Collected data entries:
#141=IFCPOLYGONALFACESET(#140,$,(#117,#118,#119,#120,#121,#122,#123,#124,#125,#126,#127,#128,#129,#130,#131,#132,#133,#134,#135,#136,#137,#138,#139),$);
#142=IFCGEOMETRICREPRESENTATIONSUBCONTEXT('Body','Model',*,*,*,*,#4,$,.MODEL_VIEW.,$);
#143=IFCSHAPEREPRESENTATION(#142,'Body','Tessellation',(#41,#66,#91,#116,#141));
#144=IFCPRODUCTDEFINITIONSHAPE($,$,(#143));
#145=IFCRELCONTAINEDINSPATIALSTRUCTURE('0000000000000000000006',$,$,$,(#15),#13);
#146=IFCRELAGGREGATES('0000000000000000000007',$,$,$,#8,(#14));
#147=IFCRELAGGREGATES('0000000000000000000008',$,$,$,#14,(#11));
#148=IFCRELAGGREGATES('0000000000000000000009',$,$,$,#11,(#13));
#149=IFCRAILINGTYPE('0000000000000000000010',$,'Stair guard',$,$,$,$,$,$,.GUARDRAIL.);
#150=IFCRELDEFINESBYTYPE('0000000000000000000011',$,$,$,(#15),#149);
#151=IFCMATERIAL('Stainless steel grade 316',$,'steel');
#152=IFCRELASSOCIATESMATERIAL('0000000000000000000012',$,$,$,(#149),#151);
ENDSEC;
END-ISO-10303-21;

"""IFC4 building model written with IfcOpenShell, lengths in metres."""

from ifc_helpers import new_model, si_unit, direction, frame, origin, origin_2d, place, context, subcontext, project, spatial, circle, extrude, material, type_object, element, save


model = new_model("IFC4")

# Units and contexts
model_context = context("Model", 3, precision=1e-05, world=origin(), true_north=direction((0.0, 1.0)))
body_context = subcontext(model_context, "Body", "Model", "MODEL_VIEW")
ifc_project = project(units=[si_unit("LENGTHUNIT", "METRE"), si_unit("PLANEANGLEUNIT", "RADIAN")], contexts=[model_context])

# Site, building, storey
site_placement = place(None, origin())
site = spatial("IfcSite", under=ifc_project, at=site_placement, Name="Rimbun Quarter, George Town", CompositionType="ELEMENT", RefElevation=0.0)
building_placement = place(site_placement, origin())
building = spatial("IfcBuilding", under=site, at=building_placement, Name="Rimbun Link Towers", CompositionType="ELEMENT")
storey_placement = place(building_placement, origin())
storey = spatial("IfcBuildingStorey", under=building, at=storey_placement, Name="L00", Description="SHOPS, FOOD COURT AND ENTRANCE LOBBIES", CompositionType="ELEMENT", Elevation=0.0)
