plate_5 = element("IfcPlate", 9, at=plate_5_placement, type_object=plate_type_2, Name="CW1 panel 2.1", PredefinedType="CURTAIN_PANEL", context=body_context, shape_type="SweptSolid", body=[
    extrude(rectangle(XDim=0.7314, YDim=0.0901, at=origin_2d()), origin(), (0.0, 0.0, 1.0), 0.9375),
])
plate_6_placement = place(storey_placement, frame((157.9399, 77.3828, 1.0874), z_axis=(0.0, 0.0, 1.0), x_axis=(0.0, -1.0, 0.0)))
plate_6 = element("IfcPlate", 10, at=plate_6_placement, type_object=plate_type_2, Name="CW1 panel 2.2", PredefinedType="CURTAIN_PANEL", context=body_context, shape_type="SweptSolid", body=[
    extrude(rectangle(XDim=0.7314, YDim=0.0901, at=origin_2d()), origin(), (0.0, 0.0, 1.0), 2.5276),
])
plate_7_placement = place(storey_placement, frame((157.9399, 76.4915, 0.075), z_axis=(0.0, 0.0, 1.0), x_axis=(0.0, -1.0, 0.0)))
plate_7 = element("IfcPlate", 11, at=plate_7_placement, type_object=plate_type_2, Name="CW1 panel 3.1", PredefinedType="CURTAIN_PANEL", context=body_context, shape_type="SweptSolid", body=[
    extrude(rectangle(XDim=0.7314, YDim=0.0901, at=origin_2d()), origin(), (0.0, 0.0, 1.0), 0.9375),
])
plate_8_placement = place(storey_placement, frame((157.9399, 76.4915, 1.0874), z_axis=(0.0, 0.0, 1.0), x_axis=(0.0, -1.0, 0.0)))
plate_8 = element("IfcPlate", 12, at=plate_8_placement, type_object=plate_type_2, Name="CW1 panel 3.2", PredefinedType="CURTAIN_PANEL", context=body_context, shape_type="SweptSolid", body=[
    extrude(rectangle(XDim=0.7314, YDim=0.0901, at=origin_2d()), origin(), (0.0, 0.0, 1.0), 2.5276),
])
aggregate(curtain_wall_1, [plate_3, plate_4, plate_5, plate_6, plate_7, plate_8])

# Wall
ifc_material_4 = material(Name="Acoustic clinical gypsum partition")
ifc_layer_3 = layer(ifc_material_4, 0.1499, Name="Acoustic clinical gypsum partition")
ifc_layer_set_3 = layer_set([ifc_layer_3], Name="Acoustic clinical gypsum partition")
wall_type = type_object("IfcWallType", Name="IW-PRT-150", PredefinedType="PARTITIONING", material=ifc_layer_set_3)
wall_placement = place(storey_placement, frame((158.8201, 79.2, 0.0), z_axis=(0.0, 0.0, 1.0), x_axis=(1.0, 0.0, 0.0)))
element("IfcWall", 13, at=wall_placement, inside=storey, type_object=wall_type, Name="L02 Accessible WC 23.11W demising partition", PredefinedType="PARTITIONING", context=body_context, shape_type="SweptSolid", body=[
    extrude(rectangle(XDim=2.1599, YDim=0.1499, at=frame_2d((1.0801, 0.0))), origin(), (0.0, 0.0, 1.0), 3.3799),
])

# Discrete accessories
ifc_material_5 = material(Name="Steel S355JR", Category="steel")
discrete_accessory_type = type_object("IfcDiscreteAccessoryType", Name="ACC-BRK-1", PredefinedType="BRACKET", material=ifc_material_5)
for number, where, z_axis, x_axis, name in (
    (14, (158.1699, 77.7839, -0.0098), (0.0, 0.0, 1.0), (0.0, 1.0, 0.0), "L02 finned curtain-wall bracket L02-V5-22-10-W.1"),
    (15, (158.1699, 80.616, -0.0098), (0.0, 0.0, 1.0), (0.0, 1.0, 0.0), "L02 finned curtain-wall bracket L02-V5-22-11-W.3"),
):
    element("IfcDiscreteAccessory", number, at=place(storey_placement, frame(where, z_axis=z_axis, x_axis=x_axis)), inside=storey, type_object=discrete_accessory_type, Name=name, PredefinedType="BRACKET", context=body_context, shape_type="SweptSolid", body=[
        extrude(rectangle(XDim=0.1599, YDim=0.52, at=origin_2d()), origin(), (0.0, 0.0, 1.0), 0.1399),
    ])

---

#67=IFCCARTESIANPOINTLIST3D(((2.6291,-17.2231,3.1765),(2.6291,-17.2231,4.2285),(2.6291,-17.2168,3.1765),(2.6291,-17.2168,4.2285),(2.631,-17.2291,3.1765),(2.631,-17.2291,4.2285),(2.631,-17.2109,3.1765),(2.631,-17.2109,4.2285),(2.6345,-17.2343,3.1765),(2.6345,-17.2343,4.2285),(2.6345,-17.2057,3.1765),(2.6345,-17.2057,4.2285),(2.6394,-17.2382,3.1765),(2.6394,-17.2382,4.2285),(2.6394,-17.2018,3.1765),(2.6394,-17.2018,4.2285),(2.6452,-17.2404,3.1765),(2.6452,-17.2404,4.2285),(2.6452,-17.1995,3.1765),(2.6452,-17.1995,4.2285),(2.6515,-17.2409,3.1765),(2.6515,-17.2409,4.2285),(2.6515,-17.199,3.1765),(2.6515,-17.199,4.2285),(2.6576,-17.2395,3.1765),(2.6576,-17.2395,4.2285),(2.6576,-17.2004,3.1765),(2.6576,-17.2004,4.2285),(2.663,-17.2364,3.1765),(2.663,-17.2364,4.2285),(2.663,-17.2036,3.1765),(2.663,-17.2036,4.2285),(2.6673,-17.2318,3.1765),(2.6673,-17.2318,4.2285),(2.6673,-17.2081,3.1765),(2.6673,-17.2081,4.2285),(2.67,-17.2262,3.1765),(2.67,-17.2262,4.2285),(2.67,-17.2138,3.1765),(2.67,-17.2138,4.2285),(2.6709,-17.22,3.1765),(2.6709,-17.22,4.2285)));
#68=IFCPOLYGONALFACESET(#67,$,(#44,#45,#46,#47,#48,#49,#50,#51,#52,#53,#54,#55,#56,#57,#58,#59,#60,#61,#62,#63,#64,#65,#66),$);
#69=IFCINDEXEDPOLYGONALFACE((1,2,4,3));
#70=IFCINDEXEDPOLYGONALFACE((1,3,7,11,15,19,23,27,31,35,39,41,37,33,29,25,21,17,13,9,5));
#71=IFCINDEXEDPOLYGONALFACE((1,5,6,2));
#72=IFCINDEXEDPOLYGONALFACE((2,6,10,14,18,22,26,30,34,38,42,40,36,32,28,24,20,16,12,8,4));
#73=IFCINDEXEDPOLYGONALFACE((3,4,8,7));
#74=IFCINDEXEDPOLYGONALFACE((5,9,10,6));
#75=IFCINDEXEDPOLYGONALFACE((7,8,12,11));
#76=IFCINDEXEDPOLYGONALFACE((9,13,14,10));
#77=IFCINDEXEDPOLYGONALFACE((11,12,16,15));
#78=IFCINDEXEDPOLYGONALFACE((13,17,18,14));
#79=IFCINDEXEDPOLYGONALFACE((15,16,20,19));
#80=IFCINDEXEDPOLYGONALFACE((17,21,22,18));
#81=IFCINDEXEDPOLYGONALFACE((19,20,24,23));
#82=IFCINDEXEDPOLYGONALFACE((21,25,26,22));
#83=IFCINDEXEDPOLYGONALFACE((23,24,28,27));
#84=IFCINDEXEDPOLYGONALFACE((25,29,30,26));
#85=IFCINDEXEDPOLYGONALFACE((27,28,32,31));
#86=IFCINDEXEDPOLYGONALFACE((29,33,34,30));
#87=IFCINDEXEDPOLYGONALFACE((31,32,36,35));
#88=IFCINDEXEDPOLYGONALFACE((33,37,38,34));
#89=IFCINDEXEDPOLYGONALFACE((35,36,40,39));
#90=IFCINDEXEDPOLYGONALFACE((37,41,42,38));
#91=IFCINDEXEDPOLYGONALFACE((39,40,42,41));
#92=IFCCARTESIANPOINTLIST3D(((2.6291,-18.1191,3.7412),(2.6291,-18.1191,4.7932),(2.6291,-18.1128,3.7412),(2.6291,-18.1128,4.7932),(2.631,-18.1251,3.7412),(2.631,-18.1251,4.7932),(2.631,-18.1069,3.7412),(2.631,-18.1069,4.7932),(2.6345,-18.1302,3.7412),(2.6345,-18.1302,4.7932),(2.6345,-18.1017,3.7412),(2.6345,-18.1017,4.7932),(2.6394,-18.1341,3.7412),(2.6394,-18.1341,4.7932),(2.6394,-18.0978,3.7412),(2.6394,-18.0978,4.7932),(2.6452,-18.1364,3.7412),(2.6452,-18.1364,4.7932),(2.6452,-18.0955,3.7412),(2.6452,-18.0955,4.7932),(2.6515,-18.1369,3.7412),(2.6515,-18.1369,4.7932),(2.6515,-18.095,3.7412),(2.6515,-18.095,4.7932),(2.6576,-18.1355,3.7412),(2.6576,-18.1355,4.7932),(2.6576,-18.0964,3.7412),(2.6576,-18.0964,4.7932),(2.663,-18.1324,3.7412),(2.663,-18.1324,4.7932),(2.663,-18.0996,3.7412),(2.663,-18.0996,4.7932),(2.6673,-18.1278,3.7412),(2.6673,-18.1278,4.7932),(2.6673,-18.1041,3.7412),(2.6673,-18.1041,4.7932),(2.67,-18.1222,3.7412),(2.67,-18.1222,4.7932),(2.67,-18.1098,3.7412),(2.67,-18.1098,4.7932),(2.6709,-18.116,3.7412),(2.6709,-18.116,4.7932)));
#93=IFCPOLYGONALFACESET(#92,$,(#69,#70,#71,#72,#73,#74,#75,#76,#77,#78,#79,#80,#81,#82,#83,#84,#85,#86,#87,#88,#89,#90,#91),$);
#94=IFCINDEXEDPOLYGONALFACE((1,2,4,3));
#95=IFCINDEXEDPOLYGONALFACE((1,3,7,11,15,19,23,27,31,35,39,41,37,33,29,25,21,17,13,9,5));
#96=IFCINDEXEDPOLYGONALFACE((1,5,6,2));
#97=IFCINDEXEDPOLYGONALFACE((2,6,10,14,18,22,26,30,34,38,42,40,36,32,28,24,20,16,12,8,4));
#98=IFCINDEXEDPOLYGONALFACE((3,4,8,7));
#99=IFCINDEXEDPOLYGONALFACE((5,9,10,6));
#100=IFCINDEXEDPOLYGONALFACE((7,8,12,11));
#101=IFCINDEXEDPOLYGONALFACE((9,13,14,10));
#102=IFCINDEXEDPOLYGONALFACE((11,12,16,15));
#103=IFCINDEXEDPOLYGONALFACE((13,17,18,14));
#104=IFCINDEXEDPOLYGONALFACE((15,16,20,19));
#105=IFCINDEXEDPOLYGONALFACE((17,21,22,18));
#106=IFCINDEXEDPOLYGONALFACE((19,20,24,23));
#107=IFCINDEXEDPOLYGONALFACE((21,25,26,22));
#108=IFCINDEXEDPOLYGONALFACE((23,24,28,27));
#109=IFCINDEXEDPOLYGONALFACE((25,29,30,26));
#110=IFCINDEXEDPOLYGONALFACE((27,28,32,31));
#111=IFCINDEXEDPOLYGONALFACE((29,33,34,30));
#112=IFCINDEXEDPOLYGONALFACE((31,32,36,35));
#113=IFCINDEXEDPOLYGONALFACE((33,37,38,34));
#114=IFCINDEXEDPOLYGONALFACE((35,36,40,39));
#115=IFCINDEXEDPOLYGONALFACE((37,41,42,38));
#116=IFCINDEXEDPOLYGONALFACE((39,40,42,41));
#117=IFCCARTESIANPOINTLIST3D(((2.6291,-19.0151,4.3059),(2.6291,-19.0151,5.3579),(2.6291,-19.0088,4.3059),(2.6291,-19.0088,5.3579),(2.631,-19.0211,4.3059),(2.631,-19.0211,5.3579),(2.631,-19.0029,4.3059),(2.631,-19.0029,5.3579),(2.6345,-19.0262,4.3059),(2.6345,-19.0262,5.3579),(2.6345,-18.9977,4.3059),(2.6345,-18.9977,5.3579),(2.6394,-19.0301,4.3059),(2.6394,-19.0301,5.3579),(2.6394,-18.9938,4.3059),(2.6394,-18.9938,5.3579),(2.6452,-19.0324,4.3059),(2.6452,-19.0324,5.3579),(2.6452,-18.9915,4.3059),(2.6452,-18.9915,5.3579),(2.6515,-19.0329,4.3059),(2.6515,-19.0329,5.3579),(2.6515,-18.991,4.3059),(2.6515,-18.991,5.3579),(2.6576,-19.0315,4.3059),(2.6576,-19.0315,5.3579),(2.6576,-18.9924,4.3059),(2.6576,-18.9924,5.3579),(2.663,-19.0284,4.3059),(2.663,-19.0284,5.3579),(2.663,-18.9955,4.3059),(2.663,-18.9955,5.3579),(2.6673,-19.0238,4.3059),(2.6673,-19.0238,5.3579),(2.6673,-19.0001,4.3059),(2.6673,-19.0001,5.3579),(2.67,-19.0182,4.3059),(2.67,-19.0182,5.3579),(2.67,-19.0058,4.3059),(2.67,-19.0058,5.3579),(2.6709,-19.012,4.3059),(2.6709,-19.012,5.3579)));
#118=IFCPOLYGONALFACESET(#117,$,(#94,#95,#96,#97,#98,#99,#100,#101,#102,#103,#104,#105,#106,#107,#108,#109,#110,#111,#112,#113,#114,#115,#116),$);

--

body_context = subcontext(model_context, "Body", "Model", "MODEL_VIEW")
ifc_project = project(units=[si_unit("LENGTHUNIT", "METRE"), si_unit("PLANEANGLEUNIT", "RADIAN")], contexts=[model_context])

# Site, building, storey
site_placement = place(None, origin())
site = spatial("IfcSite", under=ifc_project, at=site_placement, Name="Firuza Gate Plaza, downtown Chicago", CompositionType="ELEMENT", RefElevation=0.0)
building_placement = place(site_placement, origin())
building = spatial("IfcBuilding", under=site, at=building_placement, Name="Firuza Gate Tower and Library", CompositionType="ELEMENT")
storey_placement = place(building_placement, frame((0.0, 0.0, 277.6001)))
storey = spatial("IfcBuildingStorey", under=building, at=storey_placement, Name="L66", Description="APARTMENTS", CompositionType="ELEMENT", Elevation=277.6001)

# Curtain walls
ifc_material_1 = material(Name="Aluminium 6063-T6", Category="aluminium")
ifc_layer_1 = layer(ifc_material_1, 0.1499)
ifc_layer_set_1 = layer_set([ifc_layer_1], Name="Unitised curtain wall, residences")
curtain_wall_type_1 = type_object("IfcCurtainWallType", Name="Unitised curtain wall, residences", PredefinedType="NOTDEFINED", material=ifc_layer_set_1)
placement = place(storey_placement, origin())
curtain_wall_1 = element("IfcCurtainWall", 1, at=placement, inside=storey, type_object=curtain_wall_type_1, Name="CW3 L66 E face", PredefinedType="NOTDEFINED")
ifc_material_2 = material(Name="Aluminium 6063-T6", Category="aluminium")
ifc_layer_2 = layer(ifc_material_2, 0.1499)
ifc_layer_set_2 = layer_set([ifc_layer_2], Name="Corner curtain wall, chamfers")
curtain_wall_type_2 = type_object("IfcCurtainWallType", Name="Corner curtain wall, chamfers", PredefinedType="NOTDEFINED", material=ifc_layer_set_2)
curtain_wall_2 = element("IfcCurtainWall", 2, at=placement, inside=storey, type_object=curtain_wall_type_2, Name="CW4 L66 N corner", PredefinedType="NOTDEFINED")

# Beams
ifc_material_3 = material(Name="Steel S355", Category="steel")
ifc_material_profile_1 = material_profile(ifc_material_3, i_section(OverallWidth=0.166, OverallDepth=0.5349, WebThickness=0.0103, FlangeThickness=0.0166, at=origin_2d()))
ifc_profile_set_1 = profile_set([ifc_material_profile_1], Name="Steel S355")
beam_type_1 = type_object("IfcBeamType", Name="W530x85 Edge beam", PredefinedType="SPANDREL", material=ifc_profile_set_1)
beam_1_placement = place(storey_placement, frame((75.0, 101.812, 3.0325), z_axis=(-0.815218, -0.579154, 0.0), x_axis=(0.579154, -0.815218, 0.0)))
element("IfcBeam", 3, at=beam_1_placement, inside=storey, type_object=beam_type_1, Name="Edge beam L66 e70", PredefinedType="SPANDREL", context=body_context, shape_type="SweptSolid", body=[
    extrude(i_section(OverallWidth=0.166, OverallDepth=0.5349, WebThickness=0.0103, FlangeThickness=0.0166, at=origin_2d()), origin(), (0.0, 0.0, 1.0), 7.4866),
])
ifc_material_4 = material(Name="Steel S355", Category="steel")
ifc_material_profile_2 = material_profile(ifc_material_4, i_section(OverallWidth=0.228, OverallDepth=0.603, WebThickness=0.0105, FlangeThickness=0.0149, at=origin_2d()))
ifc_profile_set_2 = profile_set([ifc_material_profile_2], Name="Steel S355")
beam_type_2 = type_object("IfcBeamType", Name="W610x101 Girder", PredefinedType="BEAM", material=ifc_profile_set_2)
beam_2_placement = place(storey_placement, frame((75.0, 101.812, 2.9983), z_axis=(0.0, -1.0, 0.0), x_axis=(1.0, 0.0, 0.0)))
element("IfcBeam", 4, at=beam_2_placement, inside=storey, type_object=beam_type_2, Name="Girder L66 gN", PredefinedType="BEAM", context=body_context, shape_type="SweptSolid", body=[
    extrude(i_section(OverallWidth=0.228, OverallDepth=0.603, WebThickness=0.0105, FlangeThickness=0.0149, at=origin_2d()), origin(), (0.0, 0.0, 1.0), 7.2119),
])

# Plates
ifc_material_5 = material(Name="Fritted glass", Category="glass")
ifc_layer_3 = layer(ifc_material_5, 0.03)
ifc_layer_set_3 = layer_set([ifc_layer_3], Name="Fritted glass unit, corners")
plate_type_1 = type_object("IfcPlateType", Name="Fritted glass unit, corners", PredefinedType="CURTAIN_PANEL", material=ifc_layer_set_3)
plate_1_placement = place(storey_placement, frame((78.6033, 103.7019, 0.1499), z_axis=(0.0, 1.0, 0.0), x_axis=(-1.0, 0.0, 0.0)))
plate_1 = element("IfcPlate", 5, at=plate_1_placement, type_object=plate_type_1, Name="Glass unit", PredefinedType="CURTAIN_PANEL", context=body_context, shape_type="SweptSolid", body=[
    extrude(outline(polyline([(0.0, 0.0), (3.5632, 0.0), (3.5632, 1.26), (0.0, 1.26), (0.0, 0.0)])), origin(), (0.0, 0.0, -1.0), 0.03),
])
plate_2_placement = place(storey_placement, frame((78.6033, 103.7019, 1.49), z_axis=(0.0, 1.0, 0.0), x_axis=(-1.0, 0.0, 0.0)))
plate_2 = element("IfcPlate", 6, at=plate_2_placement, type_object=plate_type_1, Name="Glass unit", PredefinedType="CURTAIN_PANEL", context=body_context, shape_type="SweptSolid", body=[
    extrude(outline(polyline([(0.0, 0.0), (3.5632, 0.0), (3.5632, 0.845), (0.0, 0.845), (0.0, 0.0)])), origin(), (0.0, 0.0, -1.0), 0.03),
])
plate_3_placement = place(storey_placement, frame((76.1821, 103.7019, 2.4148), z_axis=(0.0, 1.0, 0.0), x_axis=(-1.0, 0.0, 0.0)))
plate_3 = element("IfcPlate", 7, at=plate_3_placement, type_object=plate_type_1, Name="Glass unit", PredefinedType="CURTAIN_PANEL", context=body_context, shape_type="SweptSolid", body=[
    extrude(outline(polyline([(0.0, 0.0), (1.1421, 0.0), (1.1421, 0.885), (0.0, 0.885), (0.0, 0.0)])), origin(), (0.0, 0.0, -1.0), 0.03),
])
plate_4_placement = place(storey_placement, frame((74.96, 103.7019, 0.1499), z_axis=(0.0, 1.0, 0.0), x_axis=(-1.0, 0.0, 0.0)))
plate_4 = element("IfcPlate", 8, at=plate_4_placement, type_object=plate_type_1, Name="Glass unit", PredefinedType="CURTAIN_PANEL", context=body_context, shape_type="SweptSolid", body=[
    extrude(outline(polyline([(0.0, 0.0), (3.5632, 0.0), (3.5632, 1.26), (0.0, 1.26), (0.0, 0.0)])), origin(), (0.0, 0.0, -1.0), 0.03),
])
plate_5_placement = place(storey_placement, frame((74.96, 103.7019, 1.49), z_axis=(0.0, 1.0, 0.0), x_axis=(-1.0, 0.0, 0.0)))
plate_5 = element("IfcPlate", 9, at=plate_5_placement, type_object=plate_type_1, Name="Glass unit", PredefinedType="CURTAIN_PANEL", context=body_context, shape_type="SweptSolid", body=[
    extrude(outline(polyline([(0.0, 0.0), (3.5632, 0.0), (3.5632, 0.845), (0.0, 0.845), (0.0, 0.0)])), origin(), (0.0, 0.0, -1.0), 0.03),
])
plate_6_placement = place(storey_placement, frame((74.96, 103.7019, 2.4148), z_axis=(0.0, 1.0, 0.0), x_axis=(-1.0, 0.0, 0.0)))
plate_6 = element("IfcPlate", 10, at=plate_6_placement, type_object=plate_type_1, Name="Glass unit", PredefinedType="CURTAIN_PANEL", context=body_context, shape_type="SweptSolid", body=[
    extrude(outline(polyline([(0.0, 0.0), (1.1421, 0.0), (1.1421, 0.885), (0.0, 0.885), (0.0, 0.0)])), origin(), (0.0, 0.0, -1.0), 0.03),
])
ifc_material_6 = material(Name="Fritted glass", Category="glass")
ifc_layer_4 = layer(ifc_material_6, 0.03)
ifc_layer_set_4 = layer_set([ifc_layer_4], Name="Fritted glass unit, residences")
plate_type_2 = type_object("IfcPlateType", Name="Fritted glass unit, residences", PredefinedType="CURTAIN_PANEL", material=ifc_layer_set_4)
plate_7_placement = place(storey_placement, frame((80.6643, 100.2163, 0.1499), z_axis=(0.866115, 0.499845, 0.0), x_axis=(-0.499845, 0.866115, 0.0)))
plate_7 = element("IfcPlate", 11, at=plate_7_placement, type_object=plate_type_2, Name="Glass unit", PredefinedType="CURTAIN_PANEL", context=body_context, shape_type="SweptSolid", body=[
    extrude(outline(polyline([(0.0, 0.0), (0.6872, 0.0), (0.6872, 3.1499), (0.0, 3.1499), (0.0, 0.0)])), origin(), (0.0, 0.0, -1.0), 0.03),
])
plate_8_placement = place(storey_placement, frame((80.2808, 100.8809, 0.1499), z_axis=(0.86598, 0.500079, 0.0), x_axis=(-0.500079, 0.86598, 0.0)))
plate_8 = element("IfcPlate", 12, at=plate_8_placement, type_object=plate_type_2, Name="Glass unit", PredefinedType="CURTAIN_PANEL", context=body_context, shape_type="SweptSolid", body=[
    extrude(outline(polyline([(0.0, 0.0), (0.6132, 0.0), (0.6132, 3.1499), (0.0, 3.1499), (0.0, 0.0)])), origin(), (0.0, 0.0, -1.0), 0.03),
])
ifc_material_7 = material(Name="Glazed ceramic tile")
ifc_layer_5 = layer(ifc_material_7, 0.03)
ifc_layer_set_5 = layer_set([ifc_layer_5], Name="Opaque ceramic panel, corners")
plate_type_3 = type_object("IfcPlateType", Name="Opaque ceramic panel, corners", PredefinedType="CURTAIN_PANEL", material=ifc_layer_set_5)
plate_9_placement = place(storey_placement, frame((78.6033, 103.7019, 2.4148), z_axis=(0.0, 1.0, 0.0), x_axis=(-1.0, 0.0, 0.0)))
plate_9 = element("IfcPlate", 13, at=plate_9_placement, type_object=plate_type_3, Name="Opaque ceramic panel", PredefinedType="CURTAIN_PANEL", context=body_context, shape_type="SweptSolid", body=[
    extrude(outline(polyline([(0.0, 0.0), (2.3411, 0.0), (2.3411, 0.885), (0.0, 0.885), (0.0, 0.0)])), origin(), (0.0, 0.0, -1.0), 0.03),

_Required action:_
Which lines in the entries above contain "Opaque"? Pull each of them out.

_Solution below:_
ifc_layer_set_5 = layer_set([ifc_layer_5], Name="Opaque ceramic panel, corners")
plate_type_3 = type_object("IfcPlateType", Name="Opaque ceramic panel, corners", PredefinedType="CURTAIN_PANEL", material=ifc_layer_set_5)
plate_9 = element("IfcPlate", 13, at=plate_9_placement, type_object=plate_type_3, Name="Opaque ceramic panel", PredefinedType="CURTAIN_PANEL", context=body_context, shape_type="SweptSolid", body=[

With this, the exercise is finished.